** RECORDED INFORMATION follows **
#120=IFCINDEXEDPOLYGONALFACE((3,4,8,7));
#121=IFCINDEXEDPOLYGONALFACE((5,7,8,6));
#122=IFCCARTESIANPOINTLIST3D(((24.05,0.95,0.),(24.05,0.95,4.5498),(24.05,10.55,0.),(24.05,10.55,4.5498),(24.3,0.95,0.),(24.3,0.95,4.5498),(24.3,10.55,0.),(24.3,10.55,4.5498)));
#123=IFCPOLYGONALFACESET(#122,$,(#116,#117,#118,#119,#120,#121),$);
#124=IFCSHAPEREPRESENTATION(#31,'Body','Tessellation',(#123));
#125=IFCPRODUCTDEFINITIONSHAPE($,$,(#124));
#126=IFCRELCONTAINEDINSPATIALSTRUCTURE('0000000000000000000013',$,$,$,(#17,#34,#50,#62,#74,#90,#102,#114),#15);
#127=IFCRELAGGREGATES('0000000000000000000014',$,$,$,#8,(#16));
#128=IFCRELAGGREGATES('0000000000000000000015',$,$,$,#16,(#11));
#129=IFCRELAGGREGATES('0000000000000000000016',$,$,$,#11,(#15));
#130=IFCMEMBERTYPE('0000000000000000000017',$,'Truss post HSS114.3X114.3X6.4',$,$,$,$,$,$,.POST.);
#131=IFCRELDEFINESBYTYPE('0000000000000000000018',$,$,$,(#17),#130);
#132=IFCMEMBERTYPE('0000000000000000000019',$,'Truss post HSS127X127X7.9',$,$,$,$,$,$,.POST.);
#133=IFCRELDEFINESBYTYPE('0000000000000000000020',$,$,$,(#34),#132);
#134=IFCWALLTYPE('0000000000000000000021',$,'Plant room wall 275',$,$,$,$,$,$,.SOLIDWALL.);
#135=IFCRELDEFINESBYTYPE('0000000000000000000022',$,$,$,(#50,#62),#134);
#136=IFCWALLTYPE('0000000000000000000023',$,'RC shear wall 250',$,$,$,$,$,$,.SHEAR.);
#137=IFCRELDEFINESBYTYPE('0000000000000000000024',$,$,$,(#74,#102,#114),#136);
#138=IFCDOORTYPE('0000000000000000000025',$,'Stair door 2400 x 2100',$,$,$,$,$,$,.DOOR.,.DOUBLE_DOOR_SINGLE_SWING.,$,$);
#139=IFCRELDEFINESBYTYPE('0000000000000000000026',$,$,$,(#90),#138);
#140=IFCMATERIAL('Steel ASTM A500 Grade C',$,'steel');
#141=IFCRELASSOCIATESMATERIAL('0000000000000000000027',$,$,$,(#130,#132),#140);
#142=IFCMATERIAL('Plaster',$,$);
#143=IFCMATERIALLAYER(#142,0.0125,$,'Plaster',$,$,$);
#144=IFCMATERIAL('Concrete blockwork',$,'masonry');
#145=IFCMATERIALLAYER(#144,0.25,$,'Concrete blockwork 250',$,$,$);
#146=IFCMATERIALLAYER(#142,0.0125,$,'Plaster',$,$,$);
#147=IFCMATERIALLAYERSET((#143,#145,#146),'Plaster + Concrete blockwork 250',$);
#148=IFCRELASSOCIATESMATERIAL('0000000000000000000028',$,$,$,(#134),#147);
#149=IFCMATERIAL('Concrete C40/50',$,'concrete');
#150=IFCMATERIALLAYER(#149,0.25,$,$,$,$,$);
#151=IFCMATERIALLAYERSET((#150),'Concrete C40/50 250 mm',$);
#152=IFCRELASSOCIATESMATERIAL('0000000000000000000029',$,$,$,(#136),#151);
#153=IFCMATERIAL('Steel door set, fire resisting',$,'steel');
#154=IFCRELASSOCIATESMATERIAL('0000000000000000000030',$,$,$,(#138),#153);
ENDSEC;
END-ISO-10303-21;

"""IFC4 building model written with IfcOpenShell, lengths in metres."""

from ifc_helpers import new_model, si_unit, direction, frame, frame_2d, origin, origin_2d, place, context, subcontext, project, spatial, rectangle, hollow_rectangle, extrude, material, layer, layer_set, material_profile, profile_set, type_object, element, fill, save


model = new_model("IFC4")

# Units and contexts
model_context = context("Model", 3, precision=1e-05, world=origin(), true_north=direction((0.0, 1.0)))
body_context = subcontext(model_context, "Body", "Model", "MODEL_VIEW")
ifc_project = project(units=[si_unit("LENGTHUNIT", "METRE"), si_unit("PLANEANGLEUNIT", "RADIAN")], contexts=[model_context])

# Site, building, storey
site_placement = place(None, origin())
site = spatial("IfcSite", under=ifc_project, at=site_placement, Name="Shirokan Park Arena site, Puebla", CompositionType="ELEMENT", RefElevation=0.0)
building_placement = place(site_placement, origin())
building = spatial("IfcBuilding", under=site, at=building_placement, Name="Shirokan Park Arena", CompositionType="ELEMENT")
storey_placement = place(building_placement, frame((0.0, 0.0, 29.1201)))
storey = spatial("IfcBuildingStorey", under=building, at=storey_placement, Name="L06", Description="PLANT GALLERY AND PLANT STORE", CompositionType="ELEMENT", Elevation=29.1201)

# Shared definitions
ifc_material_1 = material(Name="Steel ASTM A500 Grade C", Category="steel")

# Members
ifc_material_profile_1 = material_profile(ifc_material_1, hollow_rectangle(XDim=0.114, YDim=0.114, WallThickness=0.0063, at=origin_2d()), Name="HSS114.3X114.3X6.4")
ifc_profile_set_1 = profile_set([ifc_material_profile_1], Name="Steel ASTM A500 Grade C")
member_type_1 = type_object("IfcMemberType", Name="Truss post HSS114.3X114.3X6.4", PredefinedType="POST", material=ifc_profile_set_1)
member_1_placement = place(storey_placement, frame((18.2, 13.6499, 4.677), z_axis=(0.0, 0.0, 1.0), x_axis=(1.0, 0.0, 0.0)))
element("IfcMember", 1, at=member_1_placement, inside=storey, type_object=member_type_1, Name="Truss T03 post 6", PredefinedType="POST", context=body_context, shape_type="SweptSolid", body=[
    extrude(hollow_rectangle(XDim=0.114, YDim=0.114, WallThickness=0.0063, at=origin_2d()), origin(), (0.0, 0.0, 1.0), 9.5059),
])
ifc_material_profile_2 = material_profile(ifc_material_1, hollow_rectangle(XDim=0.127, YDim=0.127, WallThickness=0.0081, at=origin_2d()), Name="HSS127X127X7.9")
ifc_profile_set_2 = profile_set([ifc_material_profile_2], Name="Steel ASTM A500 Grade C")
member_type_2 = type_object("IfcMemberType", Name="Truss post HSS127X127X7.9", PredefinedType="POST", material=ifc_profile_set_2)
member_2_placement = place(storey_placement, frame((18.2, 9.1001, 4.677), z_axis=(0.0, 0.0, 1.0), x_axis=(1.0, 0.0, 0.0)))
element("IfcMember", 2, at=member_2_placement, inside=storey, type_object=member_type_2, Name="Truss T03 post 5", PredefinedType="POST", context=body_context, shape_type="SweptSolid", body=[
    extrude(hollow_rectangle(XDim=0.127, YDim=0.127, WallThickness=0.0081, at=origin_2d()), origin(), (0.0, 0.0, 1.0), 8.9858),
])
** End of RECORDED INFORMATION **
** RECORDED INFORMATION follows **
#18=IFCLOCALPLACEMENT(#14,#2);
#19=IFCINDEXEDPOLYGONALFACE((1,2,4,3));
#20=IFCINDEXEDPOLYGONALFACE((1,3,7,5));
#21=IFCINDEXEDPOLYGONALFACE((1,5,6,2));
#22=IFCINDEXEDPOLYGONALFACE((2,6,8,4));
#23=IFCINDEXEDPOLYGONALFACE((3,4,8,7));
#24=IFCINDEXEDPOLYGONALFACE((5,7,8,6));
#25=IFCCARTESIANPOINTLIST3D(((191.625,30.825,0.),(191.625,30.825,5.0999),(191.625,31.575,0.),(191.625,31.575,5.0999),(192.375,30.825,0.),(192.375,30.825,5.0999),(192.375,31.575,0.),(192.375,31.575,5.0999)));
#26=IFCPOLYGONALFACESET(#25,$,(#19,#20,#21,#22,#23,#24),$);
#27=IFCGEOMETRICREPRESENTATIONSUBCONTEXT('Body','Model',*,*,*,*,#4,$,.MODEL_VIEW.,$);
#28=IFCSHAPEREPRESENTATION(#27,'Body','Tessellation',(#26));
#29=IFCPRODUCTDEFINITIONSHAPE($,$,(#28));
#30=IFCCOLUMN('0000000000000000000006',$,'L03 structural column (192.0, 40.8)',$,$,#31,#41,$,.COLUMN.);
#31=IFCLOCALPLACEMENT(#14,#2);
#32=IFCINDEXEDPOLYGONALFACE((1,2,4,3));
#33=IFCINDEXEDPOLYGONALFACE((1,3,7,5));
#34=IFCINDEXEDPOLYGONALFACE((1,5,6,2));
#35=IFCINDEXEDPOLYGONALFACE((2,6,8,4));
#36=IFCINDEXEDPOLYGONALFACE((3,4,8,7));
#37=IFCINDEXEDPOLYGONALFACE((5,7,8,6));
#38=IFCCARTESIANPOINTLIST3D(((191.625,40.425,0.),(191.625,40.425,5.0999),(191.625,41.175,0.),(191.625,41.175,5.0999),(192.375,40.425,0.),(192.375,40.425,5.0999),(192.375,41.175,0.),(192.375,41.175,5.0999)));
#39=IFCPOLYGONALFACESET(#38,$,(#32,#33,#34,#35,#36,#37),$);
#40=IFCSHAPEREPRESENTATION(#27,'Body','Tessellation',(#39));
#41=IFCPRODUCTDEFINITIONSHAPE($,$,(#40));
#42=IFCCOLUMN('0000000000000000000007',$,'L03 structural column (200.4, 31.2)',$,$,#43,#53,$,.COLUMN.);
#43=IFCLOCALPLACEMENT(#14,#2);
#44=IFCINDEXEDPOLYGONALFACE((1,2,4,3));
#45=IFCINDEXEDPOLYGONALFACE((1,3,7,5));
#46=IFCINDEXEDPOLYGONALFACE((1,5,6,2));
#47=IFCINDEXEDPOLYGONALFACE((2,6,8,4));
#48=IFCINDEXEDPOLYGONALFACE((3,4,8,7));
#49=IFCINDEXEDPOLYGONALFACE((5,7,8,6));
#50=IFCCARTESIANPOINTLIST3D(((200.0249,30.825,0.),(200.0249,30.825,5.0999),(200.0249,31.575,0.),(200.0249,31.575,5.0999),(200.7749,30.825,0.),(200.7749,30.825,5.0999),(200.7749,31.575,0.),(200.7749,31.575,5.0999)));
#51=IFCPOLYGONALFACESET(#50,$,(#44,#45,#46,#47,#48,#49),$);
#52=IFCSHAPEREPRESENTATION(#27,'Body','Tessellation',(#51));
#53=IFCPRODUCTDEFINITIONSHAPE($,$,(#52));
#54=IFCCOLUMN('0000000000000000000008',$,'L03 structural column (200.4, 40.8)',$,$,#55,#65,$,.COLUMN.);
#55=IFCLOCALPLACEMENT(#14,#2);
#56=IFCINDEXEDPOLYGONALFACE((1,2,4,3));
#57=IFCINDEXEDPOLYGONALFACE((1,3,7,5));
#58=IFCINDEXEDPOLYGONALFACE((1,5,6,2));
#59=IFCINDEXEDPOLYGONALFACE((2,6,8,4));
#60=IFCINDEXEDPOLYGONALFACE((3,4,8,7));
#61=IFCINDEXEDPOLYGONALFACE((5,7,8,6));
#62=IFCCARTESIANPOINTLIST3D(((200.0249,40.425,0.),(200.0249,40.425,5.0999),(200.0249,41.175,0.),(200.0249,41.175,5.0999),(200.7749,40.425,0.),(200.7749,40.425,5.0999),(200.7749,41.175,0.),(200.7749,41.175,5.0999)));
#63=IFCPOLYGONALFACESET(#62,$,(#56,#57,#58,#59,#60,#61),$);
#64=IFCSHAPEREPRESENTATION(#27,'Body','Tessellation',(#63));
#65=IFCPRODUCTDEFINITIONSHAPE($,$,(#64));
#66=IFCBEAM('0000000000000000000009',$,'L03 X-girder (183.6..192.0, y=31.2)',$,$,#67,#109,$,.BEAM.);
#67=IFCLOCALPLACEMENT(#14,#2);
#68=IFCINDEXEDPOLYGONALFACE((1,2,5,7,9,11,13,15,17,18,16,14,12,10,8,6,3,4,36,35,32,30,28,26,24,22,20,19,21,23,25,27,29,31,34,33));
** End of RECORDED INFORMATION **
• ASSIGNED TASK: Report how many lines in the data include the word "SweptSolid", and give nothing but the count.

• THE ANSWER: 2